--- Work to be completed ---
Report every line of the data where the string "IFCSHAPEREPRESENTATION" appears.

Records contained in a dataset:
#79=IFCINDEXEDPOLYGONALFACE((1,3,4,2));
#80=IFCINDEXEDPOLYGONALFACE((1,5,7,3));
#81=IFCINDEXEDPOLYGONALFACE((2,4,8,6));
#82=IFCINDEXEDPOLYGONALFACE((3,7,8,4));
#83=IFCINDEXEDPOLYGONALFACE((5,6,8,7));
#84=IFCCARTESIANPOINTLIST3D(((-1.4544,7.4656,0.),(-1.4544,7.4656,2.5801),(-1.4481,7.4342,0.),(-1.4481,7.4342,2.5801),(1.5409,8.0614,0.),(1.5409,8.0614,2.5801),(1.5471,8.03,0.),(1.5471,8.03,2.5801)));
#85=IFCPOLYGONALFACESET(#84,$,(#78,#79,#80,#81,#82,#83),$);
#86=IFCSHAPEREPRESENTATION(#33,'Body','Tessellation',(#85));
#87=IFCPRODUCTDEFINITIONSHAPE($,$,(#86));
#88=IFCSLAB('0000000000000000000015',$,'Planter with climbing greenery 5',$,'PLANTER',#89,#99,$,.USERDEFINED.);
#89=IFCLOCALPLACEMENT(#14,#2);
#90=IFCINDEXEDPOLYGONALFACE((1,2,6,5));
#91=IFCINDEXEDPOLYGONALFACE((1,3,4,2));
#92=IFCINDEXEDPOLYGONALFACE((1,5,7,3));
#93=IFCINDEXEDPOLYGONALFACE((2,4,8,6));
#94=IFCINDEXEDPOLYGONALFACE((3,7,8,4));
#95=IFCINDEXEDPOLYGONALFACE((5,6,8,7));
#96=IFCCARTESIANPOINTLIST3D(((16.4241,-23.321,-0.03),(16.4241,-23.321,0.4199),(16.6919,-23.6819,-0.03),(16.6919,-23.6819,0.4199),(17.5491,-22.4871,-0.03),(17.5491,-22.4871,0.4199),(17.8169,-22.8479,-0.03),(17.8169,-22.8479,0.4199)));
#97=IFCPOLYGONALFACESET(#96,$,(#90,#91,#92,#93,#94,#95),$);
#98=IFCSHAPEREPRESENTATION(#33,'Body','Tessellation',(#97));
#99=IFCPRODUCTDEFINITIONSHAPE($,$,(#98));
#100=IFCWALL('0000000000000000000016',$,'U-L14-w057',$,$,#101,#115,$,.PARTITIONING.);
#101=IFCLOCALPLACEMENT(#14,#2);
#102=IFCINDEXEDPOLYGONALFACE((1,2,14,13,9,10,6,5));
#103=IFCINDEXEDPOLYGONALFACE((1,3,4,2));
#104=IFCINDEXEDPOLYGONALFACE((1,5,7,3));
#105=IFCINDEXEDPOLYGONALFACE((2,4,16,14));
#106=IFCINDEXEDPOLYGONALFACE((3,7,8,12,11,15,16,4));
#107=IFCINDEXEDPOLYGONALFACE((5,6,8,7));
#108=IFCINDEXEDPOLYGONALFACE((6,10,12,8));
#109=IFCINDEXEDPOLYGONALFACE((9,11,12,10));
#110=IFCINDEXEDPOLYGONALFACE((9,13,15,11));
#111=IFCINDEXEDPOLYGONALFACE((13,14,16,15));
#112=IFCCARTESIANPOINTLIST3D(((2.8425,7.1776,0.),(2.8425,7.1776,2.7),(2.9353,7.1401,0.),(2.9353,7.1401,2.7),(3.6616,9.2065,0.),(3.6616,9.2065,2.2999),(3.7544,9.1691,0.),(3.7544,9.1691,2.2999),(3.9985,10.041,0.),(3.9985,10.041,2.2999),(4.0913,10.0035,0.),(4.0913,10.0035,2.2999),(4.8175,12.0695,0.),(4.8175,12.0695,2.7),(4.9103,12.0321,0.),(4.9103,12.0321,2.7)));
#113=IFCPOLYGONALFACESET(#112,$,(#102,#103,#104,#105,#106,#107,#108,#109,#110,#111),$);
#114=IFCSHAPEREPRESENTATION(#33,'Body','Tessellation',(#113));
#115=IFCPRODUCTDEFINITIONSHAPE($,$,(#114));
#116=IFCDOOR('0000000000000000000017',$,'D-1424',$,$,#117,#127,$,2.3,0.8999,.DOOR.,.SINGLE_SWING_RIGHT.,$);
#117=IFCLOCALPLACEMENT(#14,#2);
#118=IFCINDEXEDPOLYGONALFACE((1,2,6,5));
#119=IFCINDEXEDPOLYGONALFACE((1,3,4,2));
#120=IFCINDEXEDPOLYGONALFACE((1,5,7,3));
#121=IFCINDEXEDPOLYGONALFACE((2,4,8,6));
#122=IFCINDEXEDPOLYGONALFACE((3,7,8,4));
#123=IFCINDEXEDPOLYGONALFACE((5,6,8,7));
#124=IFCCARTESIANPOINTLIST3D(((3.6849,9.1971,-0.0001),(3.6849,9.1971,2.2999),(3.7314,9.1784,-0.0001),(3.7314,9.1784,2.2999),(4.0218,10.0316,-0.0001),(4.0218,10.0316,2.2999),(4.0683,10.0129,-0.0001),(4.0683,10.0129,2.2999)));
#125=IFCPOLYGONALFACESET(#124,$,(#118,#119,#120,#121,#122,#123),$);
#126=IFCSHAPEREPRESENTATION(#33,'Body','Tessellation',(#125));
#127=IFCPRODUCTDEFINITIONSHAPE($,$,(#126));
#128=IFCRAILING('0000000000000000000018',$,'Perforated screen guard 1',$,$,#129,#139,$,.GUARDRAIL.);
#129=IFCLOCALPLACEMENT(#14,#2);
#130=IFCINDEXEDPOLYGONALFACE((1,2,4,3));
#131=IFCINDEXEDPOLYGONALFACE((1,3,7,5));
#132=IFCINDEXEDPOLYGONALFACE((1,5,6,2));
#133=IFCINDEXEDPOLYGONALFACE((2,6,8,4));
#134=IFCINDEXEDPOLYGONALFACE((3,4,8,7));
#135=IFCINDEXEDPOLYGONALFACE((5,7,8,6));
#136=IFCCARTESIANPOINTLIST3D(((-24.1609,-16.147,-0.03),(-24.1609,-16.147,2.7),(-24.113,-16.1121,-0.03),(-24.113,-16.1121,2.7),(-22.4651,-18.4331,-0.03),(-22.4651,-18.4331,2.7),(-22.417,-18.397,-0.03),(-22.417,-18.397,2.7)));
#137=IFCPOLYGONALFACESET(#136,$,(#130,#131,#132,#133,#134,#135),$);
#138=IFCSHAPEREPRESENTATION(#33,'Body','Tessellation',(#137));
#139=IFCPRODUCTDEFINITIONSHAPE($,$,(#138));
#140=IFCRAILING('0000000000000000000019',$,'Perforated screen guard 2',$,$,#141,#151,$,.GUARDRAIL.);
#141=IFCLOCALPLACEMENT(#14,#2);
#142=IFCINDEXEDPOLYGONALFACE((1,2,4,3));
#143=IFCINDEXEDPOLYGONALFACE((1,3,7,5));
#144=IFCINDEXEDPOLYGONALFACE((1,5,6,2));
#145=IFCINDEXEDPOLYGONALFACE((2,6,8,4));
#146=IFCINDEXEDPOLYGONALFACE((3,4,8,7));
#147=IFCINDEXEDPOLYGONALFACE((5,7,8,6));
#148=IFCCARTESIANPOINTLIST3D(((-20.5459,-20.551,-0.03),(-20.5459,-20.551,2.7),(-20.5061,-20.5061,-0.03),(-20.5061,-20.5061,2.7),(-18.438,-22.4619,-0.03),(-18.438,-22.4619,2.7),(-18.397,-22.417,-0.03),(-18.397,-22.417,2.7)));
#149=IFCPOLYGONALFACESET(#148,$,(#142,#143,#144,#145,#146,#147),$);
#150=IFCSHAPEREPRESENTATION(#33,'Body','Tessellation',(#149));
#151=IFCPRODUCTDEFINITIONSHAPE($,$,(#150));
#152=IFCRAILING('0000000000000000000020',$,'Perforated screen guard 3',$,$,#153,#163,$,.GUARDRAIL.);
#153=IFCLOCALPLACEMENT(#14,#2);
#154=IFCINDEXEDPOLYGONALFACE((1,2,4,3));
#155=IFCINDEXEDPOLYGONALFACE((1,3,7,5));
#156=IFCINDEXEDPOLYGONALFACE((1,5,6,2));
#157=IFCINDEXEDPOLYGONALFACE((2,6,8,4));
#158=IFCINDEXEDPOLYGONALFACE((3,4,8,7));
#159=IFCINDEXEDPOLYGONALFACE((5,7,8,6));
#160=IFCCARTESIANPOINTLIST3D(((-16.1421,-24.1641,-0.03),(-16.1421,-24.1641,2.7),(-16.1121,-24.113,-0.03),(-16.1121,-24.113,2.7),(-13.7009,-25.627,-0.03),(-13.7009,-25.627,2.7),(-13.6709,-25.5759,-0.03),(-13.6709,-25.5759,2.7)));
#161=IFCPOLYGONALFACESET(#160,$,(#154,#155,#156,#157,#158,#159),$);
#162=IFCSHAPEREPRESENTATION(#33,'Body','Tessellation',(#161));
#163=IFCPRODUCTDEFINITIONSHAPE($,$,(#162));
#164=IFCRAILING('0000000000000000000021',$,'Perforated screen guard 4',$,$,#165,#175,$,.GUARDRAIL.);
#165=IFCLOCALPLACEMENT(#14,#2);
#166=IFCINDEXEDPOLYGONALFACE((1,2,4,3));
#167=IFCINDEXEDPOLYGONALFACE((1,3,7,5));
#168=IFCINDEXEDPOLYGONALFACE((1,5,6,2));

--- Task output ---
#86=IFCSHAPEREPRESENTATION(#33,'Body','Tessellation',(#85));
#98=IFCSHAPEREPRESENTATION(#33,'Body','Tessellation',(#97));
#114=IFCSHAPEREPRESENTATION(#33,'Body','Tessellation',(#113));
#126=IFCSHAPEREPRESENTATION(#33,'Body','Tessellation',(#125));
#138=IFCSHAPEREPRESENTATION(#33,'Body','Tessellation',(#137));
#150=IFCSHAPEREPRESENTATION(#33,'Body','Tessellation',(#149));
#162=IFCSHAPEREPRESENTATION(#33,'Body','Tessellation',(#161));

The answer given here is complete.